• Activity:
Report each line of the records where "Arch" occurs.

Stored data entries
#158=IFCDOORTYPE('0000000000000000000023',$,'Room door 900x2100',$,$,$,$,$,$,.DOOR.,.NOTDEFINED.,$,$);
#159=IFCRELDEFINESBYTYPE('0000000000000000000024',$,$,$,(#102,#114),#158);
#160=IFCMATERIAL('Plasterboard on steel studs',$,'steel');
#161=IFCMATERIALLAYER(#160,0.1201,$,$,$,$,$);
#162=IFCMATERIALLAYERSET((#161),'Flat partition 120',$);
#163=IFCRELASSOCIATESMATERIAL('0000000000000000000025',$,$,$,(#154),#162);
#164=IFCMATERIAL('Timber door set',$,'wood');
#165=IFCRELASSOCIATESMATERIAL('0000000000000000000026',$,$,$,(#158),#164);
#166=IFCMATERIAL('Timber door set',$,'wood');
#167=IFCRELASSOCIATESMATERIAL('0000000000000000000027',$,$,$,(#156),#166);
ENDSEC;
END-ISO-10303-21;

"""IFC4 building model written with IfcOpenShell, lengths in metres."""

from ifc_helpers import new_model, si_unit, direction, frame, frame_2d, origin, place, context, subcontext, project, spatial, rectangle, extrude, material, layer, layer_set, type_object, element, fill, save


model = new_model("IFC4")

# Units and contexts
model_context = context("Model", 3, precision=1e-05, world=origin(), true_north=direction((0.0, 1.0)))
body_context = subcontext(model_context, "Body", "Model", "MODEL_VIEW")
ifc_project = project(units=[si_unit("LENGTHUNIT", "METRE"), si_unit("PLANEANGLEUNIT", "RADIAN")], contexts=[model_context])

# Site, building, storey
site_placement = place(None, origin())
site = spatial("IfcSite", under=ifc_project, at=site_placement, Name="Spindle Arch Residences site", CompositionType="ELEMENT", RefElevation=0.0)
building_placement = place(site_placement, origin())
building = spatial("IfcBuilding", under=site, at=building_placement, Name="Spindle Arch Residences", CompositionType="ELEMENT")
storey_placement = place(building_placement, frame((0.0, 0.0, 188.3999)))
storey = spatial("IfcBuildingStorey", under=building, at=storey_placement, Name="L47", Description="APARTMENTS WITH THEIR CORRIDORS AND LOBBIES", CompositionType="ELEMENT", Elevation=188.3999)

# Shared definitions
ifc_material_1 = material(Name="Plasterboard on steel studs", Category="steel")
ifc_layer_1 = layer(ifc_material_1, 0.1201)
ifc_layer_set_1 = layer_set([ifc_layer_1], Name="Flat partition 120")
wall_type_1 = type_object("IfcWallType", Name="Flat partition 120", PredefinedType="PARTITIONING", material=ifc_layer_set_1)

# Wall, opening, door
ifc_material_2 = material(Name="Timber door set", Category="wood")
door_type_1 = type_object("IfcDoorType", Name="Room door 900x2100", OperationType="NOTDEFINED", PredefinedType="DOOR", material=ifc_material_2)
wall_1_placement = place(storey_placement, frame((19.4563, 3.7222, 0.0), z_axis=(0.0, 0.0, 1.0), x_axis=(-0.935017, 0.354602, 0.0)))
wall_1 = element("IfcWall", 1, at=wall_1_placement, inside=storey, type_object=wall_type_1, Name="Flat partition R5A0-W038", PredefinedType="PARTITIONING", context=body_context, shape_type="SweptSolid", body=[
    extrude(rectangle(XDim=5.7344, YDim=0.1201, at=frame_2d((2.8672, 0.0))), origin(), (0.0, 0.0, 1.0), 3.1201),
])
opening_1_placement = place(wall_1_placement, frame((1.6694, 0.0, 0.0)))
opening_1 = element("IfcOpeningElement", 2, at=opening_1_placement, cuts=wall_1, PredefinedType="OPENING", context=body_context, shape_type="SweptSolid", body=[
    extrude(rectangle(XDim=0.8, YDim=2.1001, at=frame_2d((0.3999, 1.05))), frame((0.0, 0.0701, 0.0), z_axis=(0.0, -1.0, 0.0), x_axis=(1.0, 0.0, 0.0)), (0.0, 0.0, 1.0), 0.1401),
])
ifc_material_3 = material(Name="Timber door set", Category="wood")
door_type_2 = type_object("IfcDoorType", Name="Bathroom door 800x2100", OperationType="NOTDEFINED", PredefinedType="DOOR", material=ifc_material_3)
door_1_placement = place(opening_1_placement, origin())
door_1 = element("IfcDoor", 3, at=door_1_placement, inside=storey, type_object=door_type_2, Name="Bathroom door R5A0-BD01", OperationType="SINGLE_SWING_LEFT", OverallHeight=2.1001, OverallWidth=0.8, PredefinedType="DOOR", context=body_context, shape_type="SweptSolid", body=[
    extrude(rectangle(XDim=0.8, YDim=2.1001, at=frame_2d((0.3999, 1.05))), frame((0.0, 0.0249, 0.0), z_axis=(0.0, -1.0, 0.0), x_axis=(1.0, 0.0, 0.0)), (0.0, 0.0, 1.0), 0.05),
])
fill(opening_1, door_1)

• Problem solution:
site = spatial("IfcSite", under=ifc_project, at=site_placement, Name="Spindle Arch Residences site", CompositionType="ELEMENT", RefElevation=0.0)
building = spatial("IfcBuilding", under=site, at=building_placement, Name="Spindle Arch Residences", CompositionType="ELEMENT")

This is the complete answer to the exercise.